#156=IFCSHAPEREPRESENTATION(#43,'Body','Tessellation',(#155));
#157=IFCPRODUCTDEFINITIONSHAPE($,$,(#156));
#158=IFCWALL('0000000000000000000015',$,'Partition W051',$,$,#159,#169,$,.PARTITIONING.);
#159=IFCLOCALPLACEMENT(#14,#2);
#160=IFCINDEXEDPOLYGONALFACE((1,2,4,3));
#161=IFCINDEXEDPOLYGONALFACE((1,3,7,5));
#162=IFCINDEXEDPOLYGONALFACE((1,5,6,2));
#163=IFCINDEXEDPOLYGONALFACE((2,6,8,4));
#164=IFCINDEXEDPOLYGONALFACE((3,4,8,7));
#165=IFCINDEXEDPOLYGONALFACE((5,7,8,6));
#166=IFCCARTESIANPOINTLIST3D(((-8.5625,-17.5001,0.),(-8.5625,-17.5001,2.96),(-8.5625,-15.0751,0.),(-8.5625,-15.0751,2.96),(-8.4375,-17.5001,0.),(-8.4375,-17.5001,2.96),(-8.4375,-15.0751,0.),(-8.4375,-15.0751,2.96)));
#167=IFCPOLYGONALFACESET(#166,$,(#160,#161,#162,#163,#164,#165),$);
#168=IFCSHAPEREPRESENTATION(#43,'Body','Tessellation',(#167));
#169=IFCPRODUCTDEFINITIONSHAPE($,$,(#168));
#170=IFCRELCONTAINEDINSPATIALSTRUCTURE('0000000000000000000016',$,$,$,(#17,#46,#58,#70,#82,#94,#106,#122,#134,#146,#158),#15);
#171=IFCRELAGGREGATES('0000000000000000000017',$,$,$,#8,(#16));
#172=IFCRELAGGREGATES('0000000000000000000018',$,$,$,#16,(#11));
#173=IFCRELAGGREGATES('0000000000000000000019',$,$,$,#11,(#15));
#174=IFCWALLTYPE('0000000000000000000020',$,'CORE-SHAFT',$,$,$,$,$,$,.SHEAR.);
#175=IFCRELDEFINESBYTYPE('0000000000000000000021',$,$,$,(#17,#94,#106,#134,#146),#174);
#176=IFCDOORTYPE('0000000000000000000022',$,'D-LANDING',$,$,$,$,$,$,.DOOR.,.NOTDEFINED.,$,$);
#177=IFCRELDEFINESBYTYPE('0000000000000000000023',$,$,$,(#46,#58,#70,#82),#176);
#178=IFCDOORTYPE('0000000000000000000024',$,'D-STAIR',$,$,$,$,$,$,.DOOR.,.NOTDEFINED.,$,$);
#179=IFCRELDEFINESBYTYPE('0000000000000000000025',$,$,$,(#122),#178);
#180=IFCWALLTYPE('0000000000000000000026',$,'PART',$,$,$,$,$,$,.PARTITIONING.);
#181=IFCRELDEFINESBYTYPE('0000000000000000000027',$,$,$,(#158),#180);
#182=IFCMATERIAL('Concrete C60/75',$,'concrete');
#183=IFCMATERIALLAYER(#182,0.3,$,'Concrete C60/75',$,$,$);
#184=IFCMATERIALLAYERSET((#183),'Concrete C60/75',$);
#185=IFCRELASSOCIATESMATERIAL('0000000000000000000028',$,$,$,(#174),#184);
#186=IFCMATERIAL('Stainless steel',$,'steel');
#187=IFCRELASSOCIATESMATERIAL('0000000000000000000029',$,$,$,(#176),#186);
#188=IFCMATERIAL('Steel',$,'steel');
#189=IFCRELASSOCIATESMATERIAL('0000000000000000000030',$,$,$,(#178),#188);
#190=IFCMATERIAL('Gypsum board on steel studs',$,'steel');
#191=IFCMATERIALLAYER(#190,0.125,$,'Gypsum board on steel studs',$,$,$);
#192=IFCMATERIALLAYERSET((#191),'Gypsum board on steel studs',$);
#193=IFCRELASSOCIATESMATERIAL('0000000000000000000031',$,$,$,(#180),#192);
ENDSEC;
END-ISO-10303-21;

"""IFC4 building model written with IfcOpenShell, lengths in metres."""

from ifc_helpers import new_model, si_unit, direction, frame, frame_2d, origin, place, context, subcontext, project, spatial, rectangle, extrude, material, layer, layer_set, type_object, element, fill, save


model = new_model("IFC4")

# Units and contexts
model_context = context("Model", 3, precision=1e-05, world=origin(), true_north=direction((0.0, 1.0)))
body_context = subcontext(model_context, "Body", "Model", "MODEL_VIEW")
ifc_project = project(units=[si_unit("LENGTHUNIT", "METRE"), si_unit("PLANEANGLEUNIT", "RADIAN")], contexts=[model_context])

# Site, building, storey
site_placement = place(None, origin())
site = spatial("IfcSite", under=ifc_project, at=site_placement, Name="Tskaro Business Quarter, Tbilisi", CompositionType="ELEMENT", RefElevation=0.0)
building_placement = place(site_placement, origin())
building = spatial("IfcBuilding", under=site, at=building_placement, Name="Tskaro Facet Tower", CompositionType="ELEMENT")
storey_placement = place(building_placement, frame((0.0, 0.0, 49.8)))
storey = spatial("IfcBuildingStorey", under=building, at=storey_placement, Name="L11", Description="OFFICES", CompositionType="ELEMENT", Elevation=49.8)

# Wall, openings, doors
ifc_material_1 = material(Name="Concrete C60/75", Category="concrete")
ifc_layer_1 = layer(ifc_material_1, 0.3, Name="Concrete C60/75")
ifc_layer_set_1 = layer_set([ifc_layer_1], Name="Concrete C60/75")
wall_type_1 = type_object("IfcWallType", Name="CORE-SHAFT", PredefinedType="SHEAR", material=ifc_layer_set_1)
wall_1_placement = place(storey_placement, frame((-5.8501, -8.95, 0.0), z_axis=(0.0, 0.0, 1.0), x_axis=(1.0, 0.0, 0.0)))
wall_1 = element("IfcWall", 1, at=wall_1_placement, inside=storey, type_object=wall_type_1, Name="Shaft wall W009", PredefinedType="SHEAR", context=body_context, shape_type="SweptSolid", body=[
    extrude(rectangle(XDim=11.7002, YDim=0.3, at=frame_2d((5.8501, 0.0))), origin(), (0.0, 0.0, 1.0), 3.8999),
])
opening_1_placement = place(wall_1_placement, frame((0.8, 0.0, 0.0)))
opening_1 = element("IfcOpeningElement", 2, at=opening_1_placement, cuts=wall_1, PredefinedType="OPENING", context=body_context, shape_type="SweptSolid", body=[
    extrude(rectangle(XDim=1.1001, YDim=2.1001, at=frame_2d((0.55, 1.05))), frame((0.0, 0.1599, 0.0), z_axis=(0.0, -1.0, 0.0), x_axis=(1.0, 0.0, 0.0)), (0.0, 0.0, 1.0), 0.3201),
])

TASK OBJECTIVE
Send back an exact copy of only the lines from the line with "#186=IFCMATERIAL('Stainless steel',$,'steel');" up to and including the line with "site_placement = place(None, origin())" in the data above.

TASK OUTPUT
#186=IFCMATERIAL('Stainless steel',$,'steel');
#187=IFCRELASSOCIATESMATERIAL('0000000000000000000029',$,$,$,(#176),#186);
#188=IFCMATERIAL('Steel',$,'steel');
#189=IFCRELASSOCIATESMATERIAL('0000000000000000000030',$,$,$,(#178),#188);
#190=IFCMATERIAL('Gypsum board on steel studs',$,'steel');
#191=IFCMATERIALLAYER(#190,0.125,$,'Gypsum board on steel studs',$,$,$);
#192=IFCMATERIALLAYERSET((#191),'Gypsum board on steel studs',$);
#193=IFCRELASSOCIATESMATERIAL('0000000000000000000031',$,$,$,(#180),#192);
ENDSEC;
END-ISO-10303-21;

"""IFC4 building model written with IfcOpenShell, lengths in metres."""

from ifc_helpers import new_model, si_unit, direction, frame, frame_2d, origin, place, context, subcontext, project, spatial, rectangle, extrude, material, layer, layer_set, type_object, element, fill, save


model = new_model("IFC4")

# Units and contexts
model_context = context("Model", 3, precision=1e-05, world=origin(), true_north=direction((0.0, 1.0)))
body_context = subcontext(model_context, "Body", "Model", "MODEL_VIEW")
ifc_project = project(units=[si_unit("LENGTHUNIT", "METRE"), si_unit("PLANEANGLEUNIT", "RADIAN")], contexts=[model_context])

# Site, building, storey
site_placement = place(None, origin())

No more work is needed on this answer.